# [What the task asks]
In the records below, find the line with "#166=IFCMATERIAL('Acoustic Gypsum Board" and the line with "building_placement = place(site_placement, origin())"; return exactly those lines and every line between them.

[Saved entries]
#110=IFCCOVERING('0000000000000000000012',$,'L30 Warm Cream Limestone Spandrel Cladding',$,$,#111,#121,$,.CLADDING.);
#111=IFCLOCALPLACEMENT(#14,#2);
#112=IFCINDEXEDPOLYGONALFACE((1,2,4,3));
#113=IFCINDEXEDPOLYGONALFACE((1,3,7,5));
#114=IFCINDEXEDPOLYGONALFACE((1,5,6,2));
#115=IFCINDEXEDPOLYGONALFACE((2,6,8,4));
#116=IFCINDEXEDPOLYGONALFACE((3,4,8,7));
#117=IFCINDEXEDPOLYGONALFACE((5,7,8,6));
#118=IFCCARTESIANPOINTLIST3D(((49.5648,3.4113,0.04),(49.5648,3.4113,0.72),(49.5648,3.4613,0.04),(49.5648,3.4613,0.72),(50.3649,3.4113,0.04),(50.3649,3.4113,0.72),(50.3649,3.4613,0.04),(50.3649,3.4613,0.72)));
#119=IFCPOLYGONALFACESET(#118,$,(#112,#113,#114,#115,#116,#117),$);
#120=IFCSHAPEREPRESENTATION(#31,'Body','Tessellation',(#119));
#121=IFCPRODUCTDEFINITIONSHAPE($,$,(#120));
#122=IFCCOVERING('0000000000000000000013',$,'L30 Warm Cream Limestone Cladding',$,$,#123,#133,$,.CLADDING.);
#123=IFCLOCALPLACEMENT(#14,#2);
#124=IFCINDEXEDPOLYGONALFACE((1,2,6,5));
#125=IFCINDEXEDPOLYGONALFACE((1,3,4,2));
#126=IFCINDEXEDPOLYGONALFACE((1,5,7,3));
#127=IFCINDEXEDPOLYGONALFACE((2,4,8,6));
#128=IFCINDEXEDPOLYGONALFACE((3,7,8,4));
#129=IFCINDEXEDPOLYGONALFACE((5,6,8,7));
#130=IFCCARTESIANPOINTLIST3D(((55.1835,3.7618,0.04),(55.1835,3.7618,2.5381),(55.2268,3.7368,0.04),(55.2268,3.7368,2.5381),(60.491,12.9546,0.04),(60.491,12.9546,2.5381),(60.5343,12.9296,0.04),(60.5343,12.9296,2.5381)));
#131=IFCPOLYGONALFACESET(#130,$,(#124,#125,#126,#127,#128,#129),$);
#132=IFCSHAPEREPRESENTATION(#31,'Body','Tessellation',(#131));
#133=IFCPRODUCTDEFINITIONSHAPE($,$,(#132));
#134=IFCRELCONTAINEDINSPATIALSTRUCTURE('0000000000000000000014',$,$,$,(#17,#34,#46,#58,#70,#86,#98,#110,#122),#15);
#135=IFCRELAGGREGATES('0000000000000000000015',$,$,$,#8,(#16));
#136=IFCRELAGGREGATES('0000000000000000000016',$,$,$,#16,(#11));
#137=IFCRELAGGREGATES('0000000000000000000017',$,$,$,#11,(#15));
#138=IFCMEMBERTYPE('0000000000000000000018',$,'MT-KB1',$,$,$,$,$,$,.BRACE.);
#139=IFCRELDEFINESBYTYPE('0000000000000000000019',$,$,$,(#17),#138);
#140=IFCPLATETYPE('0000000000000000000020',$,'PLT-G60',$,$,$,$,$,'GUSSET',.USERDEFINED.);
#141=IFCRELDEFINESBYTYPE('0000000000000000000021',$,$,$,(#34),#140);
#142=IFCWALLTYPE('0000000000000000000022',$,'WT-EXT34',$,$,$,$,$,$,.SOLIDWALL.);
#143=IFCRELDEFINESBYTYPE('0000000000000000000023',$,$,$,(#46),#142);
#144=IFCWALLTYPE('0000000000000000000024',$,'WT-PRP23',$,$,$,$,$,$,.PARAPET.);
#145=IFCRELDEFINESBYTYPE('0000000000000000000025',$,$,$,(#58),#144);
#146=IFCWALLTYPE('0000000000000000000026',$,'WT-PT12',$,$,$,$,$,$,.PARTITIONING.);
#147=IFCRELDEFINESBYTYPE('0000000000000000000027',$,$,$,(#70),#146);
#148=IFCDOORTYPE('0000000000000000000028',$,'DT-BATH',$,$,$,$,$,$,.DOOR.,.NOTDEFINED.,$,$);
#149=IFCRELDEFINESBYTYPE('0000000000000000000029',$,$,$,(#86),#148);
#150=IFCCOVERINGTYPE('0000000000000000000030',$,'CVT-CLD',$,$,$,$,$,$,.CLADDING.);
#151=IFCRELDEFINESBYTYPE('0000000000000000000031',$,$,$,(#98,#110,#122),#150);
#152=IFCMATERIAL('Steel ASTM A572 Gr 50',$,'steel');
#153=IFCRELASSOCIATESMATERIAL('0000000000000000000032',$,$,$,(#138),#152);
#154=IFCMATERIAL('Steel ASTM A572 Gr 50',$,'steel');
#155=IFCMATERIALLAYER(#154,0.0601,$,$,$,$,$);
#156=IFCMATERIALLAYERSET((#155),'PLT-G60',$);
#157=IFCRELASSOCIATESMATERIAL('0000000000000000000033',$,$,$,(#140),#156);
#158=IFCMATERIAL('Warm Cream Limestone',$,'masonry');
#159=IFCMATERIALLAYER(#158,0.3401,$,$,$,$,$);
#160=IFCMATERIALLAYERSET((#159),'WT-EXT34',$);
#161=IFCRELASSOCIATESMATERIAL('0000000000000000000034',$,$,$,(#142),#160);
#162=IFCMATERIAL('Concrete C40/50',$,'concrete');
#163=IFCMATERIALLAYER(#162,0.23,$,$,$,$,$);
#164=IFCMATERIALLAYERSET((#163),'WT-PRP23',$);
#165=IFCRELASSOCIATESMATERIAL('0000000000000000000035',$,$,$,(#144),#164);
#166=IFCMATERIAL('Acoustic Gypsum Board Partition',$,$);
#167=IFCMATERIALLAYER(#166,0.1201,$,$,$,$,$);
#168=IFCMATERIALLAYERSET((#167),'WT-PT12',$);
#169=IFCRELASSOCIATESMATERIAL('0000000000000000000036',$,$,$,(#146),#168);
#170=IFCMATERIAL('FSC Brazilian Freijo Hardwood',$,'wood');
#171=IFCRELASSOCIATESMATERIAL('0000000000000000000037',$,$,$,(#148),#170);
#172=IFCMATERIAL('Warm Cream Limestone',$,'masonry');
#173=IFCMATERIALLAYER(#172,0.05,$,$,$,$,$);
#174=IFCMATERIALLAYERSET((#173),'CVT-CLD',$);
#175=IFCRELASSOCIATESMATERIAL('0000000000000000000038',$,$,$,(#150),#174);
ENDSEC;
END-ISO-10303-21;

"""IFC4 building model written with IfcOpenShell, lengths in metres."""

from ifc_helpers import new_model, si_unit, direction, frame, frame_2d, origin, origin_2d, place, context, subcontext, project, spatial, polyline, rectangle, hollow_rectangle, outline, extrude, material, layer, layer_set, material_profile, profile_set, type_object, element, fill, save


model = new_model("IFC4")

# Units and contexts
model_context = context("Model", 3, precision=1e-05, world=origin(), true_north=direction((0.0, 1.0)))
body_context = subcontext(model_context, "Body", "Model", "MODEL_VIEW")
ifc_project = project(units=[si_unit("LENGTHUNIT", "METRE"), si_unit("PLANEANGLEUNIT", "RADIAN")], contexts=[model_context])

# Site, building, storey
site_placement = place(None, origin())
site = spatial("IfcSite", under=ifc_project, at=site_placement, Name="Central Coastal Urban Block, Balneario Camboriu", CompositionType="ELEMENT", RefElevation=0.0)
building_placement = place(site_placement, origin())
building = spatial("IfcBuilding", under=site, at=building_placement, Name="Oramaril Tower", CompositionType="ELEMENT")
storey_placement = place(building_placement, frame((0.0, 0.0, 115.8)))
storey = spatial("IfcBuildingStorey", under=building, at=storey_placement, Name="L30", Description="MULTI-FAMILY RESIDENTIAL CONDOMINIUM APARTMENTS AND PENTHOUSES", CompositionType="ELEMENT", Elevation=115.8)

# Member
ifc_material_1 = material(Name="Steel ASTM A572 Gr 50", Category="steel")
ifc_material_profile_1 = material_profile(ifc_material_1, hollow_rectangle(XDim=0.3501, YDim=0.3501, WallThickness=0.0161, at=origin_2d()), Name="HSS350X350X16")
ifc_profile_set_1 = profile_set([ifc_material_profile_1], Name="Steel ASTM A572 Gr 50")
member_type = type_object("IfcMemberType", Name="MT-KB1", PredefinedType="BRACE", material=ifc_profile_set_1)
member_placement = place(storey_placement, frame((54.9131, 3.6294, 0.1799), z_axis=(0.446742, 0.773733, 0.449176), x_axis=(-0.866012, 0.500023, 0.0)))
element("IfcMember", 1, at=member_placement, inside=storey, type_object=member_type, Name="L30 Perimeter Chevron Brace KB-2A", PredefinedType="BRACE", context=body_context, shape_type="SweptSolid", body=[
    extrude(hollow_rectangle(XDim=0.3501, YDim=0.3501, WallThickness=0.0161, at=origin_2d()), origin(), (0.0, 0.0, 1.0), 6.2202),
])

# [Exercise answer]
#166=IFCMATERIAL('Acoustic Gypsum Board Partition',$,$);
#167=IFCMATERIALLAYER(#166,0.1201,$,$,$,$,$);
#168=IFCMATERIALLAYERSET((#167),'WT-PT12',$);
#169=IFCRELASSOCIATESMATERIAL('0000000000000000000036',$,$,$,(#146),#168);
#170=IFCMATERIAL('FSC Brazilian Freijo Hardwood',$,'wood');
#171=IFCRELASSOCIATESMATERIAL('0000000000000000000037',$,$,$,(#148),#170);
#172=IFCMATERIAL('Warm Cream Limestone',$,'masonry');
#173=IFCMATERIALLAYER(#172,0.05,$,$,$,$,$);
#174=IFCMATERIALLAYERSET((#173),'CVT-CLD',$);
#175=IFCRELASSOCIATESMATERIAL('0000000000000000000038',$,$,$,(#150),#174);
ENDSEC;
END-ISO-10303-21;

"""IFC4 building model written with IfcOpenShell, lengths in metres."""

from ifc_helpers import new_model, si_unit, direction, frame, frame_2d, origin, origin_2d, place, context, subcontext, project, spatial, polyline, rectangle, hollow_rectangle, outline, extrude, material, layer, layer_set, material_profile, profile_set, type_object, element, fill, save


model = new_model("IFC4")

# Units and contexts
model_context = context("Model", 3, precision=1e-05, world=origin(), true_north=direction((0.0, 1.0)))
body_context = subcontext(model_context, "Body", "Model", "MODEL_VIEW")
ifc_project = project(units=[si_unit("LENGTHUNIT", "METRE"), si_unit("PLANEANGLEUNIT", "RADIAN")], contexts=[model_context])

# Site, building, storey
site_placement = place(None, origin())
site = spatial("IfcSite", under=ifc_project, at=site_placement, Name="Central Coastal Urban Block, Balneario Camboriu", CompositionType="ELEMENT", RefElevation=0.0)
building_placement = place(site_placement, origin())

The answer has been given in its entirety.